[[ INPUT open ]]

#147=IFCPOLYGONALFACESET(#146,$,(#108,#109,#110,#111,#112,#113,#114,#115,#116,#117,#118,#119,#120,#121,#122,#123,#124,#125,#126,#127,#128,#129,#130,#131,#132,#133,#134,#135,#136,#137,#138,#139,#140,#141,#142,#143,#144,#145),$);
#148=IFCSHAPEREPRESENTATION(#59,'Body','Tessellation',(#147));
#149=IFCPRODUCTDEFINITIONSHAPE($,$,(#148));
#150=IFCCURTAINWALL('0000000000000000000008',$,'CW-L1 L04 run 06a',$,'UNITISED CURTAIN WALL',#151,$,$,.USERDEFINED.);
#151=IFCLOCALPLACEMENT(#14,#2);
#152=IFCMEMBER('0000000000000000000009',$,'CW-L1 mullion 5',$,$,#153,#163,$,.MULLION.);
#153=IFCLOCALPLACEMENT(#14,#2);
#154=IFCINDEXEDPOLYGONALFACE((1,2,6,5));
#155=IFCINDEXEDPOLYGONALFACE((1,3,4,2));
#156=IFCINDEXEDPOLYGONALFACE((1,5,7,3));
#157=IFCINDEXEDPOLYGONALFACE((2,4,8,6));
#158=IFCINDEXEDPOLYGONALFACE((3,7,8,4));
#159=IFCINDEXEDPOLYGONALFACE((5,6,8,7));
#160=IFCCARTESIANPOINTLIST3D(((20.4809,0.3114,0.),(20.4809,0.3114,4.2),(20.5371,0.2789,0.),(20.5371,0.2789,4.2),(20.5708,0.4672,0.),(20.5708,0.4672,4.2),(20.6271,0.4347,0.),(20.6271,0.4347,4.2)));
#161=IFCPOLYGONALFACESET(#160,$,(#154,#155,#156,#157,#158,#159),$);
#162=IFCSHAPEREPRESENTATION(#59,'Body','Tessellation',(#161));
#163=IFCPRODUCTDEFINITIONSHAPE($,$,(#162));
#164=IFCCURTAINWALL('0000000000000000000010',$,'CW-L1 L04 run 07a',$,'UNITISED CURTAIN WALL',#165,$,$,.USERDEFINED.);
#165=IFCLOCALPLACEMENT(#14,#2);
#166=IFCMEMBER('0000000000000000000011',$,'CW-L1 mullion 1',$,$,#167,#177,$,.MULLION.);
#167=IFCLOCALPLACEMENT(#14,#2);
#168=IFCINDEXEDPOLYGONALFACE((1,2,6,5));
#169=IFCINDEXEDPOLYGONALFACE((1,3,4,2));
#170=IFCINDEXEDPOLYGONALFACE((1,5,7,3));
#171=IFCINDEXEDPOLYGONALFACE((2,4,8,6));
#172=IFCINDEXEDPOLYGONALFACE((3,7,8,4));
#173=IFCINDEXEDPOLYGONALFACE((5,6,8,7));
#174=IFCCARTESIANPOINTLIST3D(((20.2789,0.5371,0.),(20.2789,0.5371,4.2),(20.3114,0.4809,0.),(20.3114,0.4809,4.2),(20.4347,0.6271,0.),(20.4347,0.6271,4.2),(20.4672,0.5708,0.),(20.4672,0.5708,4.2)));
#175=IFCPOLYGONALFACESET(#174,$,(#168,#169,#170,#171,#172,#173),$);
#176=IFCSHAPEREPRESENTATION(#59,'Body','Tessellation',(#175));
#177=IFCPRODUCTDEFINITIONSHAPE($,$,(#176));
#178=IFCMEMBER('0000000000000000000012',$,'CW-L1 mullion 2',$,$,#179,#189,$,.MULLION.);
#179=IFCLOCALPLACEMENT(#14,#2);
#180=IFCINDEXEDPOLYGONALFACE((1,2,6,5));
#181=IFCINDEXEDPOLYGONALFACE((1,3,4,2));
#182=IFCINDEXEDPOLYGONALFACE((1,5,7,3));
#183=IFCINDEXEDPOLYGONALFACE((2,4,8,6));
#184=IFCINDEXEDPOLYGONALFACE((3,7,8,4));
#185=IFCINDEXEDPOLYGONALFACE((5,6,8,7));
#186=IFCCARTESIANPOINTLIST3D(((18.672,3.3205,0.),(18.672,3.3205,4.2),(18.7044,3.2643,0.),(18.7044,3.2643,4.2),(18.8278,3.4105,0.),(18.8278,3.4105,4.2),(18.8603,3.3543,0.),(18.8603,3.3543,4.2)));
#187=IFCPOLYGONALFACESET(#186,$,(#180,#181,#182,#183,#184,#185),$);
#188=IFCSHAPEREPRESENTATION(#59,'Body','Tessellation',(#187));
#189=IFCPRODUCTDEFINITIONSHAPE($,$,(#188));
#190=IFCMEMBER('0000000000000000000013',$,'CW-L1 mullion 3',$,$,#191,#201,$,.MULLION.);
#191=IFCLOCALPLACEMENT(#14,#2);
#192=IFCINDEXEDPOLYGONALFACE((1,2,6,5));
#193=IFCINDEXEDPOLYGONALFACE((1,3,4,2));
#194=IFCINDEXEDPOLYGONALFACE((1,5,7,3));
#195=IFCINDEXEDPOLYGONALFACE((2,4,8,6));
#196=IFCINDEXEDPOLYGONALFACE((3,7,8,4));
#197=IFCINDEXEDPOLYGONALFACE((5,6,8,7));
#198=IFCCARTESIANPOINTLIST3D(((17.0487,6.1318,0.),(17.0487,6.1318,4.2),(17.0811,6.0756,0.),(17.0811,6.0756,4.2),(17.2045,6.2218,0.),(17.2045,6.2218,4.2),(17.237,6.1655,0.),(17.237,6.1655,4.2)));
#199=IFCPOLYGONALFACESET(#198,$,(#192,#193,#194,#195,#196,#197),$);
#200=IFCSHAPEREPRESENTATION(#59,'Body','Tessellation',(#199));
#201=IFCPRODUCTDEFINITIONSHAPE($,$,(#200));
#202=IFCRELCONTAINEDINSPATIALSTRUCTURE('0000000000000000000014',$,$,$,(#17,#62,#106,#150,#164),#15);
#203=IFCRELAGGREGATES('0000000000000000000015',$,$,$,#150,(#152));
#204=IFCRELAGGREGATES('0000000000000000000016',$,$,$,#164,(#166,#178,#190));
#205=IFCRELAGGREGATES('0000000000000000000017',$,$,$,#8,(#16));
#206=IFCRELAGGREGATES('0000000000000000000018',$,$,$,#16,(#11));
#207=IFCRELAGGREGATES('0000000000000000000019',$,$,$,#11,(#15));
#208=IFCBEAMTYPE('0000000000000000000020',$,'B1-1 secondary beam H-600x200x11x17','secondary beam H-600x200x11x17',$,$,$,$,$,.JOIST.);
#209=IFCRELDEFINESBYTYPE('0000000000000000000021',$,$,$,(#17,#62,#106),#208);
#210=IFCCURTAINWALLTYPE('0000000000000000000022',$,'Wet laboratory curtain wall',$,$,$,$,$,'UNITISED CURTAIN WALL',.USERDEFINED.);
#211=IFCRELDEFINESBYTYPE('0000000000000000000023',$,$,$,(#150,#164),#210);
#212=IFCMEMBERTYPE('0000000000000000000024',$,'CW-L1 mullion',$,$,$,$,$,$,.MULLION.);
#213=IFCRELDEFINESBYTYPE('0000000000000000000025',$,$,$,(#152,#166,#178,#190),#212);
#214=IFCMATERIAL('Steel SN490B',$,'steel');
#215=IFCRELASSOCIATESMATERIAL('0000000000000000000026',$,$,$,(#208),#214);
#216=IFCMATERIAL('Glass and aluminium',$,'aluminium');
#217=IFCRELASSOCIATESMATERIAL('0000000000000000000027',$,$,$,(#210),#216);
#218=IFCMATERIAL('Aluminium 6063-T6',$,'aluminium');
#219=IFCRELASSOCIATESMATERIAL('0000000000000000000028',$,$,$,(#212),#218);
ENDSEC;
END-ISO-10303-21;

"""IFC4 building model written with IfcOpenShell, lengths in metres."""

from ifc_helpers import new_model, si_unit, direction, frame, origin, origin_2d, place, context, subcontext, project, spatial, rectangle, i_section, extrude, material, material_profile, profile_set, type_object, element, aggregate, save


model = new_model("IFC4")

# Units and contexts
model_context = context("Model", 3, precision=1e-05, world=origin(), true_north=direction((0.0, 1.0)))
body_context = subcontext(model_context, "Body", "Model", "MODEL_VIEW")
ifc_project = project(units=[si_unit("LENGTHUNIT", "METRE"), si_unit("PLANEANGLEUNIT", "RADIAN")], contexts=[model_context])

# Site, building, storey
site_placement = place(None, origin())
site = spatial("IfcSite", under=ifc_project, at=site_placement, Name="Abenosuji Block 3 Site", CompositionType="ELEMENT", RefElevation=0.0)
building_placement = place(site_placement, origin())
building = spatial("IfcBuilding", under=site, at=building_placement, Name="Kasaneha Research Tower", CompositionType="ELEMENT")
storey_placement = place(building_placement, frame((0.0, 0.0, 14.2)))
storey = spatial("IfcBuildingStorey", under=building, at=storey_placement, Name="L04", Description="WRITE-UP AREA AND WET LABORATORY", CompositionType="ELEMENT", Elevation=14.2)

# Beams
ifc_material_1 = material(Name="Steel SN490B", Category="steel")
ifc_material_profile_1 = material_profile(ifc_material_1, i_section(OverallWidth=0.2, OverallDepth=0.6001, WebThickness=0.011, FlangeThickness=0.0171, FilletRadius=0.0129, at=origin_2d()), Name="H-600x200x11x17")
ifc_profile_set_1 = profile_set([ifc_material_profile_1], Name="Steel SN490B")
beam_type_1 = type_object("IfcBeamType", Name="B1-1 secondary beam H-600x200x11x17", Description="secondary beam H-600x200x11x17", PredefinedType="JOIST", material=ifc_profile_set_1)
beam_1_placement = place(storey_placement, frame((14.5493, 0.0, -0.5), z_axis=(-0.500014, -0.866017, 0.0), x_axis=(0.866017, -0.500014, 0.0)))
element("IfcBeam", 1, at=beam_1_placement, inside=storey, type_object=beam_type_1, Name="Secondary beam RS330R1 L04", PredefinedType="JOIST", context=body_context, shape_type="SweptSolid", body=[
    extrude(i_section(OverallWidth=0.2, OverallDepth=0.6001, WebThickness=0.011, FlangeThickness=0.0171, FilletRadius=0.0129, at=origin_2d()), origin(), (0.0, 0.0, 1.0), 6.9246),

[[ INPUT closed ]]
[[ INPUT open ]]

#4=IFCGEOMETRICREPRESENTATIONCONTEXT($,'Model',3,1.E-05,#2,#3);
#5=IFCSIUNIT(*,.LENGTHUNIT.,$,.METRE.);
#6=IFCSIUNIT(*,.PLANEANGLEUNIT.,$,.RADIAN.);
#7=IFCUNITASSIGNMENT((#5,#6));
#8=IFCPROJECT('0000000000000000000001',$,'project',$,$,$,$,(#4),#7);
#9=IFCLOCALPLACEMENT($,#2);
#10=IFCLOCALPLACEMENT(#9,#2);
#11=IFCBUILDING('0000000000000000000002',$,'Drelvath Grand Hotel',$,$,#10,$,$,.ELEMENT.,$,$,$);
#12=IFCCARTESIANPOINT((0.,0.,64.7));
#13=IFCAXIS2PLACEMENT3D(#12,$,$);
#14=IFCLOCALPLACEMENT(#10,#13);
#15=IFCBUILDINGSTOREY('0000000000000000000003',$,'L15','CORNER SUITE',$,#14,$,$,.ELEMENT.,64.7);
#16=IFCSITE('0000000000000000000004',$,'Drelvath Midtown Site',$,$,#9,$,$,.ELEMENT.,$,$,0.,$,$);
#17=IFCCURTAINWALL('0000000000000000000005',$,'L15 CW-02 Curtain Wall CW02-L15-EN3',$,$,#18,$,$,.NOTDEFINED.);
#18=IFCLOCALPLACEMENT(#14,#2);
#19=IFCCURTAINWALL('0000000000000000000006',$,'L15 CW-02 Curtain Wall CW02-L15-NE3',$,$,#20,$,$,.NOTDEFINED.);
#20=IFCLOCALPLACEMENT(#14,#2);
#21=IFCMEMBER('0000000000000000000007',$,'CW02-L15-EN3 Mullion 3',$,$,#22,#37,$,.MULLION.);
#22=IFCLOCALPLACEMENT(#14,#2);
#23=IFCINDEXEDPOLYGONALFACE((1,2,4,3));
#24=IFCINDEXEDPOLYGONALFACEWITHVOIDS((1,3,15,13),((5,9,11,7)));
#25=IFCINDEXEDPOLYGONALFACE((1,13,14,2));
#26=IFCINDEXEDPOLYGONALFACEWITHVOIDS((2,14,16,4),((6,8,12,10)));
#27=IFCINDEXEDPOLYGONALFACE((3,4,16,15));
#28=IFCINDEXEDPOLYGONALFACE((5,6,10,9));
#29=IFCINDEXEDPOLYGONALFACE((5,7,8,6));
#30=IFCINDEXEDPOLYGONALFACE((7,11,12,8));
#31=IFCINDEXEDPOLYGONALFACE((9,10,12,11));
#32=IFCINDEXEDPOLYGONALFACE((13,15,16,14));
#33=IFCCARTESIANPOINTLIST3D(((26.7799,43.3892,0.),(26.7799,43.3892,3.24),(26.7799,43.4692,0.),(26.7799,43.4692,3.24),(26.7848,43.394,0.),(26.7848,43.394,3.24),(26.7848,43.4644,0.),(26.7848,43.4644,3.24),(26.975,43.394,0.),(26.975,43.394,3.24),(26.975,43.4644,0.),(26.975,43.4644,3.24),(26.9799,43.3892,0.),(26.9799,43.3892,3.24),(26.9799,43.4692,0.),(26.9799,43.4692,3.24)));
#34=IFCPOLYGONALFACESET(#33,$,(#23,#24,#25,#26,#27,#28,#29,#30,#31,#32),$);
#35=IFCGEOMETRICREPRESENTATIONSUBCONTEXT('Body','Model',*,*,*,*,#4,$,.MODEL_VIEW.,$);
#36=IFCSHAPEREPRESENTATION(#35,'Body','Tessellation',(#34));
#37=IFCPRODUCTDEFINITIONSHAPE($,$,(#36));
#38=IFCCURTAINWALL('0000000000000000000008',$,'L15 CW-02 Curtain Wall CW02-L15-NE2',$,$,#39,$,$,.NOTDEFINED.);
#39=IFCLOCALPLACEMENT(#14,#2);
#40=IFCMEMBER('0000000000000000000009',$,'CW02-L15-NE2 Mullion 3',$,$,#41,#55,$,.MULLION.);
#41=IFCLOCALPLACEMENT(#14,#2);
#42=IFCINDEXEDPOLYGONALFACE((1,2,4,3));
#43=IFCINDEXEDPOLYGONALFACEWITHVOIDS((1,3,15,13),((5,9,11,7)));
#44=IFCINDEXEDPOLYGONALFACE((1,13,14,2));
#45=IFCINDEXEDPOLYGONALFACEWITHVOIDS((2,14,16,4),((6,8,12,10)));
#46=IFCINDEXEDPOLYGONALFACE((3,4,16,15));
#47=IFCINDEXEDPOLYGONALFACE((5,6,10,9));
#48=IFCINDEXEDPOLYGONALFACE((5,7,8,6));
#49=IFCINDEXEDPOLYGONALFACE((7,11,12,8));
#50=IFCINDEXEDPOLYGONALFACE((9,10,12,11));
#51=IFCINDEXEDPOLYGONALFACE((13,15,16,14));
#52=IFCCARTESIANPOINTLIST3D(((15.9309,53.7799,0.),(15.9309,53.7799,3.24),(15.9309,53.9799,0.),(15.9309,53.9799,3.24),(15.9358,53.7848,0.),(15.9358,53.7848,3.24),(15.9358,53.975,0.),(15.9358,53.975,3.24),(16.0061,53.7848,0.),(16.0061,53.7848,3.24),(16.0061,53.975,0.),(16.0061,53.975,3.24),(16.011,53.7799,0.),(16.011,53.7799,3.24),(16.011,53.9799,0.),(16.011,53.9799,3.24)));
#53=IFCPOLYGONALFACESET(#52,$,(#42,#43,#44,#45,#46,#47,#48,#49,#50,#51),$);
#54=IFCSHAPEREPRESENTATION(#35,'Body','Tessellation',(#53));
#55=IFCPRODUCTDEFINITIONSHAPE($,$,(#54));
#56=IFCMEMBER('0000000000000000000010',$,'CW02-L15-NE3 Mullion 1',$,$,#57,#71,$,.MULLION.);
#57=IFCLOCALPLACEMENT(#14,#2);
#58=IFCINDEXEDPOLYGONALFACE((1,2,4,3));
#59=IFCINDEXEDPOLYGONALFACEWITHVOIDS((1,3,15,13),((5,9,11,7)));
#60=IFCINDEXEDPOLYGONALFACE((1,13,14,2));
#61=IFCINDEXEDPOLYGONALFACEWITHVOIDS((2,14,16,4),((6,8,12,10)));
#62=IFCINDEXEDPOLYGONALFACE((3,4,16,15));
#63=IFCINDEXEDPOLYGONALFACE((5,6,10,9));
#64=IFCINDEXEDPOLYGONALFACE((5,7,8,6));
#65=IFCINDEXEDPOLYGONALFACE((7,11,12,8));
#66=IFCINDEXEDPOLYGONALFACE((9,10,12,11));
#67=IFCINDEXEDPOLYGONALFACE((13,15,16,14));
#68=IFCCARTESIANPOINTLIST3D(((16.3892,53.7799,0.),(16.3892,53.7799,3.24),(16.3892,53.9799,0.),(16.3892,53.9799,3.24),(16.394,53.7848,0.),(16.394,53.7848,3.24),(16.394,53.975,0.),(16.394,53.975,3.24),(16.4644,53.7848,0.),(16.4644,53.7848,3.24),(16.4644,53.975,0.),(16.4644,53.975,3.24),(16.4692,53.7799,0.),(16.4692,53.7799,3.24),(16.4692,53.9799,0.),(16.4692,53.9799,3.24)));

[[ INPUT closed ]]

WHAT IS EXPECTED ::
Taking the records above, retype every line from the one with "#24=IFCINDEXEDPOLYGONALFACEWITHVOIDS((1,3,15,13),((5,9,11,7)));" down to the one with "#32=IFCINDEXEDPOLYGONALFACE((13,15,16,14));", exactly and with nothing else.

TASK RESULT ::
#24=IFCINDEXEDPOLYGONALFACEWITHVOIDS((1,3,15,13),((5,9,11,7)));
#25=IFCINDEXEDPOLYGONALFACE((1,13,14,2));
#26=IFCINDEXEDPOLYGONALFACEWITHVOIDS((2,14,16,4),((6,8,12,10)));
#27=IFCINDEXEDPOLYGONALFACE((3,4,16,15));
#28=IFCINDEXEDPOLYGONALFACE((5,6,10,9));
#29=IFCINDEXEDPOLYGONALFACE((5,7,8,6));
#30=IFCINDEXEDPOLYGONALFACE((7,11,12,8));
#31=IFCINDEXEDPOLYGONALFACE((9,10,12,11));
#32=IFCINDEXEDPOLYGONALFACE((13,15,16,14));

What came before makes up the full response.